TASK TO COMPLETE: Your job with the data below is to output exactly the lines from the one holding "#114=IFCINDEXEDPOLYGONALFACE((7,11,12,8));" down to the one holding "#145=IFCINDEXEDPOLYGONALFACE((69,70,72,71));", both included, and no others.

Stored items
▬▬▬▬▬▬▬▬▬▬
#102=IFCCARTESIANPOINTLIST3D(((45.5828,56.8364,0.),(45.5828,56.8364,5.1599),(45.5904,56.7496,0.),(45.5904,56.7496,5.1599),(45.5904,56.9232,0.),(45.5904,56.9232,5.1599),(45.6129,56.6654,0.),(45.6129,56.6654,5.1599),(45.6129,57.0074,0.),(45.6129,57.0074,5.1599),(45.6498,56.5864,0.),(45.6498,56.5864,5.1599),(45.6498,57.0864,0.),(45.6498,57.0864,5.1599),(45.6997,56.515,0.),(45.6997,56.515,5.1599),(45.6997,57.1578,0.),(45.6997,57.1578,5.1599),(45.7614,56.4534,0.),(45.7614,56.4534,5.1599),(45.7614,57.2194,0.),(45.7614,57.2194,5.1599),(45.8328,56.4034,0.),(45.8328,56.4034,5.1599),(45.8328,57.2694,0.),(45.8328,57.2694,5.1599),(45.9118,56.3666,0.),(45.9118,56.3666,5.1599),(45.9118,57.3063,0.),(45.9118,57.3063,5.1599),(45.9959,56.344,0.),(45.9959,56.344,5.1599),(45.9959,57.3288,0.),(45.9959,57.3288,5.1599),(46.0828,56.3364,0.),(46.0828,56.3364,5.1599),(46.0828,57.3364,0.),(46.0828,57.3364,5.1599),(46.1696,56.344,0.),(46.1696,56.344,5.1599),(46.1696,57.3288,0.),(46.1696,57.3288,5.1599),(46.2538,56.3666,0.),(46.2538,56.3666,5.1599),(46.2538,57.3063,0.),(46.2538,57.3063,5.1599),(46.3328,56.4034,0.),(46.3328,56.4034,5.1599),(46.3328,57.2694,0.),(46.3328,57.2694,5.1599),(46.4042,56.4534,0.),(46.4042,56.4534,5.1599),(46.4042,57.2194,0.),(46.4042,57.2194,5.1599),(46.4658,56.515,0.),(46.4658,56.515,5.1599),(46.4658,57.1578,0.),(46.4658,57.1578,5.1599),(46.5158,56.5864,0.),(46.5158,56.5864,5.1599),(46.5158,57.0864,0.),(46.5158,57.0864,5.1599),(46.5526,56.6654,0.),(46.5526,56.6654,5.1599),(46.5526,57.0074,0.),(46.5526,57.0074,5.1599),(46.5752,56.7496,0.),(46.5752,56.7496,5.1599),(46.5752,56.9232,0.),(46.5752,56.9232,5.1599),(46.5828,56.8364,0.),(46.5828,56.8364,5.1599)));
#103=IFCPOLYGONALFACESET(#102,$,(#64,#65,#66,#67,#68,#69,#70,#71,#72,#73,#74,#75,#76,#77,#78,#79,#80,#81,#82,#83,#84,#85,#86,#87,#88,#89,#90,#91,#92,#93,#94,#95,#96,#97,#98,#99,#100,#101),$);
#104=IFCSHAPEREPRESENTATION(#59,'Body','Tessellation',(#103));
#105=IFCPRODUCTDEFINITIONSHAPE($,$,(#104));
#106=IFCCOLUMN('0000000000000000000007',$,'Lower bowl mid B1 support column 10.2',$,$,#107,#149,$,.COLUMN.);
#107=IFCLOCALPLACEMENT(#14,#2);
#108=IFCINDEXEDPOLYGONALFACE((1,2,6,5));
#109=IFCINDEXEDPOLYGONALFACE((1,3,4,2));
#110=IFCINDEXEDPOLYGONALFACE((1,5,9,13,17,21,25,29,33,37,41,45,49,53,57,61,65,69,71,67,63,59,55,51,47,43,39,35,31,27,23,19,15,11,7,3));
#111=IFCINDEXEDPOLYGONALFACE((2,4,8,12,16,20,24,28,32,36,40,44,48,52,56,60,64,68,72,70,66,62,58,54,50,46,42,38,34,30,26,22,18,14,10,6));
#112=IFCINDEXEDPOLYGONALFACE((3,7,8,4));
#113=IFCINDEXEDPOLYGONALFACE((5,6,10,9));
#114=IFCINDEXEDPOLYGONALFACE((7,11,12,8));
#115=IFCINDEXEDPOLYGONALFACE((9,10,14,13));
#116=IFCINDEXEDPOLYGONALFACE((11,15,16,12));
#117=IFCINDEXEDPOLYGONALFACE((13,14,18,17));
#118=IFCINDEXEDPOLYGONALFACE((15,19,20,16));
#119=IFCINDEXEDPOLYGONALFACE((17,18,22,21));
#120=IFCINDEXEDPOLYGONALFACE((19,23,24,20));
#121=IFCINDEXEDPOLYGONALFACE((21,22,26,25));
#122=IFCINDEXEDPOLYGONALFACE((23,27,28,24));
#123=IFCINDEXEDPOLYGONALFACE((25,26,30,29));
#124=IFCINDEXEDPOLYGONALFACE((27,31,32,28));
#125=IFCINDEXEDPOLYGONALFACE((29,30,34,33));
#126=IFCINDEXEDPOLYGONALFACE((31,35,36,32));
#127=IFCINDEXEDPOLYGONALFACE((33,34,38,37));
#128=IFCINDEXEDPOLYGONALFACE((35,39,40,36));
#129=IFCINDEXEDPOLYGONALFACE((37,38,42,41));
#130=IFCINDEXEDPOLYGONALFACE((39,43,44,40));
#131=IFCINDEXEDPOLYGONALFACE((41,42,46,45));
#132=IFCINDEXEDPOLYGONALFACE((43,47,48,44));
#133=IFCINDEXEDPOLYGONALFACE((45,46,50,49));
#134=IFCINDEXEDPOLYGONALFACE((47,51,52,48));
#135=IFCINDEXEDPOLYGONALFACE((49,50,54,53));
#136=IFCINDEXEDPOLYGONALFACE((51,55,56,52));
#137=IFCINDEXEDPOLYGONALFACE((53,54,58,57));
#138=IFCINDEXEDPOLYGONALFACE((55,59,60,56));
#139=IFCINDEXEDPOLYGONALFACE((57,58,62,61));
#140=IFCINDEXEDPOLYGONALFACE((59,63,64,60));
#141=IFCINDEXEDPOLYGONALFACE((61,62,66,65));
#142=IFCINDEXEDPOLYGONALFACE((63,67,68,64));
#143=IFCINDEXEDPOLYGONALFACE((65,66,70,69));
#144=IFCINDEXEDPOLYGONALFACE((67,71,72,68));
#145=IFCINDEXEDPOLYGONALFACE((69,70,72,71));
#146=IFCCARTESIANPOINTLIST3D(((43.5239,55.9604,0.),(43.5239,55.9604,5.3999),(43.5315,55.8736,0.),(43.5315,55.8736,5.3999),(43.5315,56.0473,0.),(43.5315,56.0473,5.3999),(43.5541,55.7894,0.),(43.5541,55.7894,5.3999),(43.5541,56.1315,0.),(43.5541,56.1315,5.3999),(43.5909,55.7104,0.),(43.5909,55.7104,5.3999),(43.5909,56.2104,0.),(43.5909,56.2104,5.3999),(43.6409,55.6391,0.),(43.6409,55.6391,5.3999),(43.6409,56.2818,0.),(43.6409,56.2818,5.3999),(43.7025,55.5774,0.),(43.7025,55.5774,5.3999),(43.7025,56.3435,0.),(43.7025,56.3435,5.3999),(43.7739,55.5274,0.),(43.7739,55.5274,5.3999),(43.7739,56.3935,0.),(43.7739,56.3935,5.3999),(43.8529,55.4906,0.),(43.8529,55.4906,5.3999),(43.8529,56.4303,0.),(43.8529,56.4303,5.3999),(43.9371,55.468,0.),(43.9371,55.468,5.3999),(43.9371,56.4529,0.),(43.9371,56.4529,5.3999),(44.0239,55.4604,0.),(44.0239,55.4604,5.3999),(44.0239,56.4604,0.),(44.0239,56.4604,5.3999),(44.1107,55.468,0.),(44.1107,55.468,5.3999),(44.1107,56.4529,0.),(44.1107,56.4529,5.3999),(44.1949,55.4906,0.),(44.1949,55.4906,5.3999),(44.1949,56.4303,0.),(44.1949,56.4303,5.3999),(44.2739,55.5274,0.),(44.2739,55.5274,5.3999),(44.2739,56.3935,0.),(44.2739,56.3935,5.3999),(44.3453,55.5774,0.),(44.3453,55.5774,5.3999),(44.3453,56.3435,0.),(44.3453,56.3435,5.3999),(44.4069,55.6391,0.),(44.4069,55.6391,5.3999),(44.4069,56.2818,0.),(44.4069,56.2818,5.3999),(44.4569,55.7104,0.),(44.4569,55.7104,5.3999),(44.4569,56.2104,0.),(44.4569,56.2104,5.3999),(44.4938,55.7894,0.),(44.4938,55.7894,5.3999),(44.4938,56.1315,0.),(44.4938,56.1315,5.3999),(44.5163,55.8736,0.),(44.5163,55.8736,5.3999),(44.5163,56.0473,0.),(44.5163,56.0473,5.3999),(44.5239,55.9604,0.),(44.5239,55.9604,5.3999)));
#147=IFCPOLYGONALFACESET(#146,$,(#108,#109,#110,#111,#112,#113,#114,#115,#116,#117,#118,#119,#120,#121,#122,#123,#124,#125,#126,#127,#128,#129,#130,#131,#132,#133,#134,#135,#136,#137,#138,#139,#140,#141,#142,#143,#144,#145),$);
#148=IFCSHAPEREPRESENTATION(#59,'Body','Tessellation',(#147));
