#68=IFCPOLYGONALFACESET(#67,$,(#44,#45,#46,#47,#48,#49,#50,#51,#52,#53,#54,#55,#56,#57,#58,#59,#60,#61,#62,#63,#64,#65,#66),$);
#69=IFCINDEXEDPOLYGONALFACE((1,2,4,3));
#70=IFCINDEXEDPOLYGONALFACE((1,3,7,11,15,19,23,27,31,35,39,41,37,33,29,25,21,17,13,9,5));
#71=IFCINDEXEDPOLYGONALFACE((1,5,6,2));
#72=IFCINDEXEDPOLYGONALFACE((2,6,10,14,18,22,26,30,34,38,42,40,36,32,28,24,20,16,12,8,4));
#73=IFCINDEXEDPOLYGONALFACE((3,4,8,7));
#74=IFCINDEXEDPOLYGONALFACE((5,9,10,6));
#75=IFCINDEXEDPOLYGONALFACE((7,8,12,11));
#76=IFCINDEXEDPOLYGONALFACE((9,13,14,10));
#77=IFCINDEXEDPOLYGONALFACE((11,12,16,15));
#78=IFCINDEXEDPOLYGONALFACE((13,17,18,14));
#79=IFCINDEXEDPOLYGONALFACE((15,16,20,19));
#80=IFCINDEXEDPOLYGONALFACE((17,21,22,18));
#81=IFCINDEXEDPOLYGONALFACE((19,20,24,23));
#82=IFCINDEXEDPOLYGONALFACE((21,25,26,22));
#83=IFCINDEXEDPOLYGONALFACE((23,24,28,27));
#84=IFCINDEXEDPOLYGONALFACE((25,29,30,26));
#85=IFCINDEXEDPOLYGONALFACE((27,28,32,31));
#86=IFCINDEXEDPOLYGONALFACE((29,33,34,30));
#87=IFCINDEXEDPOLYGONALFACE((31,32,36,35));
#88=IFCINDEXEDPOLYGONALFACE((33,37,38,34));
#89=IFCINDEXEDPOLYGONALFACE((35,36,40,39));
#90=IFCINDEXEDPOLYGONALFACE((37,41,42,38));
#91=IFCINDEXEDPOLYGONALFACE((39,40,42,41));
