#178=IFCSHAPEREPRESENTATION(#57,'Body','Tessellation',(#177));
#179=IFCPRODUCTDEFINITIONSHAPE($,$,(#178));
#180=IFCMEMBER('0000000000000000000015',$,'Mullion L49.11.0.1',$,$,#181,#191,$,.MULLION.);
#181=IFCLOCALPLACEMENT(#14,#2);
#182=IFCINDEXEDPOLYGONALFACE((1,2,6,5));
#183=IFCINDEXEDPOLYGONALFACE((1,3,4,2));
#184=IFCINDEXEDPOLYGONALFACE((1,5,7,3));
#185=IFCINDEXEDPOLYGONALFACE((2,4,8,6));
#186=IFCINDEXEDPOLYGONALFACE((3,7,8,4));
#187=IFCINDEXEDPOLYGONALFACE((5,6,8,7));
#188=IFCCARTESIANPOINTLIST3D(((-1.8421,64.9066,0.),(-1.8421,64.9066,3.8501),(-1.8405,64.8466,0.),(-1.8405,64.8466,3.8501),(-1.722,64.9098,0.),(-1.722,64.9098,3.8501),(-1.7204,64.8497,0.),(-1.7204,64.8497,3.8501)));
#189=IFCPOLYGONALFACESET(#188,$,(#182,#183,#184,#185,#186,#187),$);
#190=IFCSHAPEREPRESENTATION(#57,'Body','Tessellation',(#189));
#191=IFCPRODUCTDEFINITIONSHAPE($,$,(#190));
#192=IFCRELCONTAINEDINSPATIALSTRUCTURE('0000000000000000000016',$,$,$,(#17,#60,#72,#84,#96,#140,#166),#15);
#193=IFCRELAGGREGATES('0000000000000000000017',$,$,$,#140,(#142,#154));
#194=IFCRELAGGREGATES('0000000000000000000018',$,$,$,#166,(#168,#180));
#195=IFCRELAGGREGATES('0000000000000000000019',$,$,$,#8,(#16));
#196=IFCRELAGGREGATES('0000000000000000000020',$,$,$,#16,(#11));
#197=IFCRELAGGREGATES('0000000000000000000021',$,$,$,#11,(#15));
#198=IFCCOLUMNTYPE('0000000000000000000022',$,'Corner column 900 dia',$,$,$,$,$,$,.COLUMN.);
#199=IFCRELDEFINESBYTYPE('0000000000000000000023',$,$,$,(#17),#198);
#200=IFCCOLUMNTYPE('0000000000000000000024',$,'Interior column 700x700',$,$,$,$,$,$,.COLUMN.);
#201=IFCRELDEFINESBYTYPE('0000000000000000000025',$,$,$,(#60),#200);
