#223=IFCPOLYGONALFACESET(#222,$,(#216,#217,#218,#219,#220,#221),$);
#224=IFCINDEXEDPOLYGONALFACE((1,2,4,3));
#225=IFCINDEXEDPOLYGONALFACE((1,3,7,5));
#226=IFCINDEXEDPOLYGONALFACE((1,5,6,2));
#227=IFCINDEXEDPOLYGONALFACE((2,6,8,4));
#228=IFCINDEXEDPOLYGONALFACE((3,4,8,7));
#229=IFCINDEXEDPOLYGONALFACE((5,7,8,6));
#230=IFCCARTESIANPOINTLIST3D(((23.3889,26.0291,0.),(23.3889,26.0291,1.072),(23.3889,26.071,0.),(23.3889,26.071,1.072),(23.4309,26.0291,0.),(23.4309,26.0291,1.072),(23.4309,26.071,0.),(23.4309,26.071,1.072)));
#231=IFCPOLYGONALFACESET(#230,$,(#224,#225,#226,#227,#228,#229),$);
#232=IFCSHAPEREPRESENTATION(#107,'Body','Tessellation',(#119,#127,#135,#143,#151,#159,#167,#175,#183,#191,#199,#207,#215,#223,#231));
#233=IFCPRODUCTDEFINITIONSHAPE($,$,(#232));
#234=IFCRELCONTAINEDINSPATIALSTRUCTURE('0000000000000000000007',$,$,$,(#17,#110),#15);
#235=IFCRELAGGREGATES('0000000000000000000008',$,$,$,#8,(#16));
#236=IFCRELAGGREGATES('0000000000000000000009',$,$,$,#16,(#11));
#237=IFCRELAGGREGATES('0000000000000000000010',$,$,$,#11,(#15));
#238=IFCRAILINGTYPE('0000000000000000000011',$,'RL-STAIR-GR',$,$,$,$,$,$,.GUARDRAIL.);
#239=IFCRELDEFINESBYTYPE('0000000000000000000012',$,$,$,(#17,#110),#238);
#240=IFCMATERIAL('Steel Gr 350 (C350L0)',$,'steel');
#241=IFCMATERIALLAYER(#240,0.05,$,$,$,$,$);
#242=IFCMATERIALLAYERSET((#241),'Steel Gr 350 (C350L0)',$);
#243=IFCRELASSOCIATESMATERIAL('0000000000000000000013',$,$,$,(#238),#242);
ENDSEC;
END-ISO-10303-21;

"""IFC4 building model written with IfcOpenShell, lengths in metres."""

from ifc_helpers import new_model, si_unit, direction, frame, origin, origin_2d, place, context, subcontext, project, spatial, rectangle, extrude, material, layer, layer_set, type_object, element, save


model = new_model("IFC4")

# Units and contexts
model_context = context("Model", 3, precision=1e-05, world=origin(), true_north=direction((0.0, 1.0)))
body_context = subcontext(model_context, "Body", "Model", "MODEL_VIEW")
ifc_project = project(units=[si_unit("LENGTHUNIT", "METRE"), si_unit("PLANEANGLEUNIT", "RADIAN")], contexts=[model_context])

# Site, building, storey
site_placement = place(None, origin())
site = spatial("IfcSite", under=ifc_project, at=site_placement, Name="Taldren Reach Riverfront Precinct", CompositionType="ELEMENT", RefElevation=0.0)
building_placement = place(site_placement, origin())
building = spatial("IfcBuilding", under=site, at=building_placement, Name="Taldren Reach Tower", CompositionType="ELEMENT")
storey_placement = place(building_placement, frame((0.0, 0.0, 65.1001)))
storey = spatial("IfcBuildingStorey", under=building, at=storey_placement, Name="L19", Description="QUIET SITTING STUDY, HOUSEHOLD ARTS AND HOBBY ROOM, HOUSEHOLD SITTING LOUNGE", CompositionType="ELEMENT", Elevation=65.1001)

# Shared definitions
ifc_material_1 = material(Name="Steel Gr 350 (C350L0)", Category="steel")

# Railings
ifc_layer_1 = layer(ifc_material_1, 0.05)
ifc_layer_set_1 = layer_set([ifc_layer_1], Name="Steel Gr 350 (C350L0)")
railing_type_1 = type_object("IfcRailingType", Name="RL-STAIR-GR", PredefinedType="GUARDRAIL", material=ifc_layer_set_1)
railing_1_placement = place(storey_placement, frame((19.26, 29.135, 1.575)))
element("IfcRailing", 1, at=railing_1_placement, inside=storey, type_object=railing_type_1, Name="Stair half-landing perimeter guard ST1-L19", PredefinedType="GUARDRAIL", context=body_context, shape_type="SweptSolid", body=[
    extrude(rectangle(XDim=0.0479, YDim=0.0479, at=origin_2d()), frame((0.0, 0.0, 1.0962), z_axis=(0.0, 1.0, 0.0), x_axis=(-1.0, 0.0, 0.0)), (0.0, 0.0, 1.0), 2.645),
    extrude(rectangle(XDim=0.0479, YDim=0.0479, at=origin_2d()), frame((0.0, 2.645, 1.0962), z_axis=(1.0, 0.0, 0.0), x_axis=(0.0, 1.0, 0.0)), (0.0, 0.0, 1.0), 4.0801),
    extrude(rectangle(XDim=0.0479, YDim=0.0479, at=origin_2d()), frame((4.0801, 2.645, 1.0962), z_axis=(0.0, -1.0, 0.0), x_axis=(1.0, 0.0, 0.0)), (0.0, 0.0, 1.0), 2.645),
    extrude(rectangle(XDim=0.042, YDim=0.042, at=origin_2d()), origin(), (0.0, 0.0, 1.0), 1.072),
▬▬▬▬▬▬▬▬▬▬
SOLUTION TO THIS TASK:
#114=IFCINDEXEDPOLYGONALFACE((7,11,12,8));
#115=IFCINDEXEDPOLYGONALFACE((9,10,14,13));
#116=IFCINDEXEDPOLYGONALFACE((11,15,16,12));
#117=IFCINDEXEDPOLYGONALFACE((13,14,18,17));
#118=IFCINDEXEDPOLYGONALFACE((15,19,20,16));
#119=IFCINDEXEDPOLYGONALFACE((17,18,22,21));
#120=IFCINDEXEDPOLYGONALFACE((19,23,24,20));
#121=IFCINDEXEDPOLYGONALFACE((21,22,26,25));
#122=IFCINDEXEDPOLYGONALFACE((23,27,28,24));
#123=IFCINDEXEDPOLYGONALFACE((25,26,30,29));
#124=IFCINDEXEDPOLYGONALFACE((27,31,32,28));
#125=IFCINDEXEDPOLYGONALFACE((29,30,34,33));
#126=IFCINDEXEDPOLYGONALFACE((31,35,36,32));
#127=IFCINDEXEDPOLYGONALFACE((33,34,38,37));
#128=IFCINDEXEDPOLYGONALFACE((35,39,40,36));
#129=IFCINDEXEDPOLYGONALFACE((37,38,42,41));
#130=IFCINDEXEDPOLYGONALFACE((39,43,44,40));
#131=IFCINDEXEDPOLYGONALFACE((41,42,46,45));
#132=IFCINDEXEDPOLYGONALFACE((43,47,48,44));
#133=IFCINDEXEDPOLYGONALFACE((45,46,50,49));
#134=IFCINDEXEDPOLYGONALFACE((47,51,52,48));
#135=IFCINDEXEDPOLYGONALFACE((49,50,54,53));
#136=IFCINDEXEDPOLYGONALFACE((51,55,56,52));
#137=IFCINDEXEDPOLYGONALFACE((53,54,58,57));
#138=IFCINDEXEDPOLYGONALFACE((55,59,60,56));
#139=IFCINDEXEDPOLYGONALFACE((57,58,62,61));
#140=IFCINDEXEDPOLYGONALFACE((59,63,64,60));
#141=IFCINDEXEDPOLYGONALFACE((61,62,66,65));
#142=IFCINDEXEDPOLYGONALFACE((63,67,68,64));
#143=IFCINDEXEDPOLYGONALFACE((65,66,70,69));
#144=IFCINDEXEDPOLYGONALFACE((67,71,72,68));
#145=IFCINDEXEDPOLYGONALFACE((69,70,72,71));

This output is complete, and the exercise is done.